- [Material for this task]

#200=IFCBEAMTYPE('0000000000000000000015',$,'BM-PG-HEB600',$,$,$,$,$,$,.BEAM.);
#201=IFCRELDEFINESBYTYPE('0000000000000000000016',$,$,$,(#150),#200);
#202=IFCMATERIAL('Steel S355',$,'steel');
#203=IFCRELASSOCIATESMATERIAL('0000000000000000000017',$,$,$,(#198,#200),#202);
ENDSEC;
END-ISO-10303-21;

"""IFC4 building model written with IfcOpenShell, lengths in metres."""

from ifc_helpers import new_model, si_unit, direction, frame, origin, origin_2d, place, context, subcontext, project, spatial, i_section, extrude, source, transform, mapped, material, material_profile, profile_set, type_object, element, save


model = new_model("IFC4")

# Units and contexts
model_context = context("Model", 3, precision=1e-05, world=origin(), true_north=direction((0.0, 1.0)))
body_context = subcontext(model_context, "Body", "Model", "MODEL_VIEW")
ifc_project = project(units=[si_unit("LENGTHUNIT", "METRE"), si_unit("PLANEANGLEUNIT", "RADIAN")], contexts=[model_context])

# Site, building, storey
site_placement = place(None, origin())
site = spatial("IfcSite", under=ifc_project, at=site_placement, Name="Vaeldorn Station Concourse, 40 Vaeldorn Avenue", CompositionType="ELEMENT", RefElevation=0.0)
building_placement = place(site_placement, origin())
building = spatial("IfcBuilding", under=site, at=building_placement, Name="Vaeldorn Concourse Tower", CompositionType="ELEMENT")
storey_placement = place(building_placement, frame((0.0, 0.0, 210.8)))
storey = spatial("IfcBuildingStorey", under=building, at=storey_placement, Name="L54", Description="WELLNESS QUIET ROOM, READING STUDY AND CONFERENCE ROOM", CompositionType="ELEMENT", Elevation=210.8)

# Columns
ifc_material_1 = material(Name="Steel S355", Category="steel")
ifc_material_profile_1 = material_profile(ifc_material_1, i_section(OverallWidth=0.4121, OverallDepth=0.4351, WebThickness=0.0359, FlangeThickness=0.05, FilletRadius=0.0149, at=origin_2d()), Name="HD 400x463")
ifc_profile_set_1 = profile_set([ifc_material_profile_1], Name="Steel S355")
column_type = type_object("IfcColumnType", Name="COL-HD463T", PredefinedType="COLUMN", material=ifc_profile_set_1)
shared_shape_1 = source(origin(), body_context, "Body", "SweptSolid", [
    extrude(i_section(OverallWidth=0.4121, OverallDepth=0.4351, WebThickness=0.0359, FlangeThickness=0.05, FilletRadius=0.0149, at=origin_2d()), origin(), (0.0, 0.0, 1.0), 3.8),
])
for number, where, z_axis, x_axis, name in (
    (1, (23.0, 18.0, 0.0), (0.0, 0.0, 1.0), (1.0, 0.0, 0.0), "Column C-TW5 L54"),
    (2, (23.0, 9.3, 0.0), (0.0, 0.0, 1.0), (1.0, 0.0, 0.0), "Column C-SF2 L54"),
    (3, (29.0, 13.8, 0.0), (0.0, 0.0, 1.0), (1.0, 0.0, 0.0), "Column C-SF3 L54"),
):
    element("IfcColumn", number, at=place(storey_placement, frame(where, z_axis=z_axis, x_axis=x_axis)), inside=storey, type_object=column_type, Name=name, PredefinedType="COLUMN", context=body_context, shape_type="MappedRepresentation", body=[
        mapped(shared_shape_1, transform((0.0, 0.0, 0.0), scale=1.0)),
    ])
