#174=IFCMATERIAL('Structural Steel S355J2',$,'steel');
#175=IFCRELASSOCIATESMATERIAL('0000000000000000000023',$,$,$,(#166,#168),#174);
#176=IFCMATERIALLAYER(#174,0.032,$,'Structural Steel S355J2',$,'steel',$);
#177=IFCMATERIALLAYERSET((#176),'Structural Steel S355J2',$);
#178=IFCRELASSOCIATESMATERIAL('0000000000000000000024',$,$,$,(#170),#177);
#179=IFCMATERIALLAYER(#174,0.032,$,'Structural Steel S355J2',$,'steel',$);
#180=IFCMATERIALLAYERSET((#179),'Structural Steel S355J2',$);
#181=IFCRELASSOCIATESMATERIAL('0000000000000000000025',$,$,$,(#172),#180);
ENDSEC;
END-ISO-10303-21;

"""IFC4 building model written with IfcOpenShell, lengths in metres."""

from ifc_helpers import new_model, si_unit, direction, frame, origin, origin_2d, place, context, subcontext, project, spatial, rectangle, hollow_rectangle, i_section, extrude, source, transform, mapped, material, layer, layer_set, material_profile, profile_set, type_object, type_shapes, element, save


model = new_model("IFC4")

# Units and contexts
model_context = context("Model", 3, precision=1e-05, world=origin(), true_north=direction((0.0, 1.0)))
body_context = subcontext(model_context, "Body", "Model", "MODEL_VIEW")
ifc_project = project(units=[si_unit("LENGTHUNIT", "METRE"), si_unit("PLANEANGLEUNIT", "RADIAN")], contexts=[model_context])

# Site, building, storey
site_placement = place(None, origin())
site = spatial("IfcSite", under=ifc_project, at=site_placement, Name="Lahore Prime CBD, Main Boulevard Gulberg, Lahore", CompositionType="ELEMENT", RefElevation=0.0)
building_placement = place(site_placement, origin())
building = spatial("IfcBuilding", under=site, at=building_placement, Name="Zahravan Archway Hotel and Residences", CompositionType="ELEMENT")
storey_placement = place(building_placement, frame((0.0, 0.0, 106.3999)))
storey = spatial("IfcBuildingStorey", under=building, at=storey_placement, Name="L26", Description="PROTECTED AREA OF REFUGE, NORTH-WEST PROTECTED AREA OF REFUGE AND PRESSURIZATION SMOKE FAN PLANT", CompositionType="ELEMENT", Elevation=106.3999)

- [Your assignment] The full listing must come back exactly as given.

- [Result of the exercise]
#200=IFCBEAMTYPE('0000000000000000000015',$,'BM-PG-HEB600',$,$,$,$,$,$,.BEAM.);
#201=IFCRELDEFINESBYTYPE('0000000000000000000016',$,$,$,(#150),#200);
#202=IFCMATERIAL('Steel S355',$,'steel');
#203=IFCRELASSOCIATESMATERIAL('0000000000000000000017',$,$,$,(#198,#200),#202);
ENDSEC;
END-ISO-10303-21;

"""IFC4 building model written with IfcOpenShell, lengths in metres."""

from ifc_helpers import new_model, si_unit, direction, frame, origin, origin_2d, place, context, subcontext, project, spatial, i_section, extrude, source, transform, mapped, material, material_profile, profile_set, type_object, element, save


model = new_model("IFC4")

# Units and contexts
model_context = context("Model", 3, precision=1e-05, world=origin(), true_north=direction((0.0, 1.0)))
body_context = subcontext(model_context, "Body", "Model", "MODEL_VIEW")
ifc_project = project(units=[si_unit("LENGTHUNIT", "METRE"), si_unit("PLANEANGLEUNIT", "RADIAN")], contexts=[model_context])

# Site, building, storey
site_placement = place(None, origin())
site = spatial("IfcSite", under=ifc_project, at=site_placement, Name="Vaeldorn Station Concourse, 40 Vaeldorn Avenue", CompositionType="ELEMENT", RefElevation=0.0)
building_placement = place(site_placement, origin())
building = spatial("IfcBuilding", under=site, at=building_placement, Name="Vaeldorn Concourse Tower", CompositionType="ELEMENT")
storey_placement = place(building_placement, frame((0.0, 0.0, 210.8)))
storey = spatial("IfcBuildingStorey", under=building, at=storey_placement, Name="L54", Description="WELLNESS QUIET ROOM, READING STUDY AND CONFERENCE ROOM", CompositionType="ELEMENT", Elevation=210.8)

# Columns
ifc_material_1 = material(Name="Steel S355", Category="steel")
ifc_material_profile_1 = material_profile(ifc_material_1, i_section(OverallWidth=0.4121, OverallDepth=0.4351, WebThickness=0.0359, FlangeThickness=0.05, FilletRadius=0.0149, at=origin_2d()), Name="HD 400x463")
ifc_profile_set_1 = profile_set([ifc_material_profile_1], Name="Steel S355")
column_type = type_object("IfcColumnType", Name="COL-HD463T", PredefinedType="COLUMN", material=ifc_profile_set_1)
shared_shape_1 = source(origin(), body_context, "Body", "SweptSolid", [
    extrude(i_section(OverallWidth=0.4121, OverallDepth=0.4351, WebThickness=0.0359, FlangeThickness=0.05, FilletRadius=0.0149, at=origin_2d()), origin(), (0.0, 0.0, 1.0), 3.8),
])
for number, where, z_axis, x_axis, name in (
    (1, (23.0, 18.0, 0.0), (0.0, 0.0, 1.0), (1.0, 0.0, 0.0), "Column C-TW5 L54"),
    (2, (23.0, 9.3, 0.0), (0.0, 0.0, 1.0), (1.0, 0.0, 0.0), "Column C-SF2 L54"),
    (3, (29.0, 13.8, 0.0), (0.0, 0.0, 1.0), (1.0, 0.0, 0.0), "Column C-SF3 L54"),
):
    element("IfcColumn", number, at=place(storey_placement, frame(where, z_axis=z_axis, x_axis=x_axis)), inside=storey, type_object=column_type, Name=name, PredefinedType="COLUMN", context=body_context, shape_type="MappedRepresentation", body=[
        mapped(shared_shape_1, transform((0.0, 0.0, 0.0), scale=1.0)),
    ])
#174=IFCMATERIAL('Structural Steel S355J2',$,'steel');
#175=IFCRELASSOCIATESMATERIAL('0000000000000000000023',$,$,$,(#166,#168),#174);
#176=IFCMATERIALLAYER(#174,0.032,$,'Structural Steel S355J2',$,'steel',$);
#177=IFCMATERIALLAYERSET((#176),'Structural Steel S355J2',$);
#178=IFCRELASSOCIATESMATERIAL('0000000000000000000024',$,$,$,(#170),#177);
#179=IFCMATERIALLAYER(#174,0.032,$,'Structural Steel S355J2',$,'steel',$);
#180=IFCMATERIALLAYERSET((#179),'Structural Steel S355J2',$);
#181=IFCRELASSOCIATESMATERIAL('0000000000000000000025',$,$,$,(#172),#180);
ENDSEC;
END-ISO-10303-21;

"""IFC4 building model written with IfcOpenShell, lengths in metres."""

from ifc_helpers import new_model, si_unit, direction, frame, origin, origin_2d, place, context, subcontext, project, spatial, rectangle, hollow_rectangle, i_section, extrude, source, transform, mapped, material, layer, layer_set, material_profile, profile_set, type_object, type_shapes, element, save


model = new_model("IFC4")

# Units and contexts
model_context = context("Model", 3, precision=1e-05, world=origin(), true_north=direction((0.0, 1.0)))
body_context = subcontext(model_context, "Body", "Model", "MODEL_VIEW")
ifc_project = project(units=[si_unit("LENGTHUNIT", "METRE"), si_unit("PLANEANGLEUNIT", "RADIAN")], contexts=[model_context])

# Site, building, storey
site_placement = place(None, origin())
site = spatial("IfcSite", under=ifc_project, at=site_placement, Name="Lahore Prime CBD, Main Boulevard Gulberg, Lahore", CompositionType="ELEMENT", RefElevation=0.0)
building_placement = place(site_placement, origin())
building = spatial("IfcBuilding", under=site, at=building_placement, Name="Zahravan Archway Hotel and Residences", CompositionType="ELEMENT")
storey_placement = place(building_placement, frame((0.0, 0.0, 106.3999)))
storey = spatial("IfcBuildingStorey", under=building, at=storey_placement, Name="L26", Description="PROTECTED AREA OF REFUGE, NORTH-WEST PROTECTED AREA OF REFUGE AND PRESSURIZATION SMOKE FAN PLANT", CompositionType="ELEMENT", Elevation=106.3999)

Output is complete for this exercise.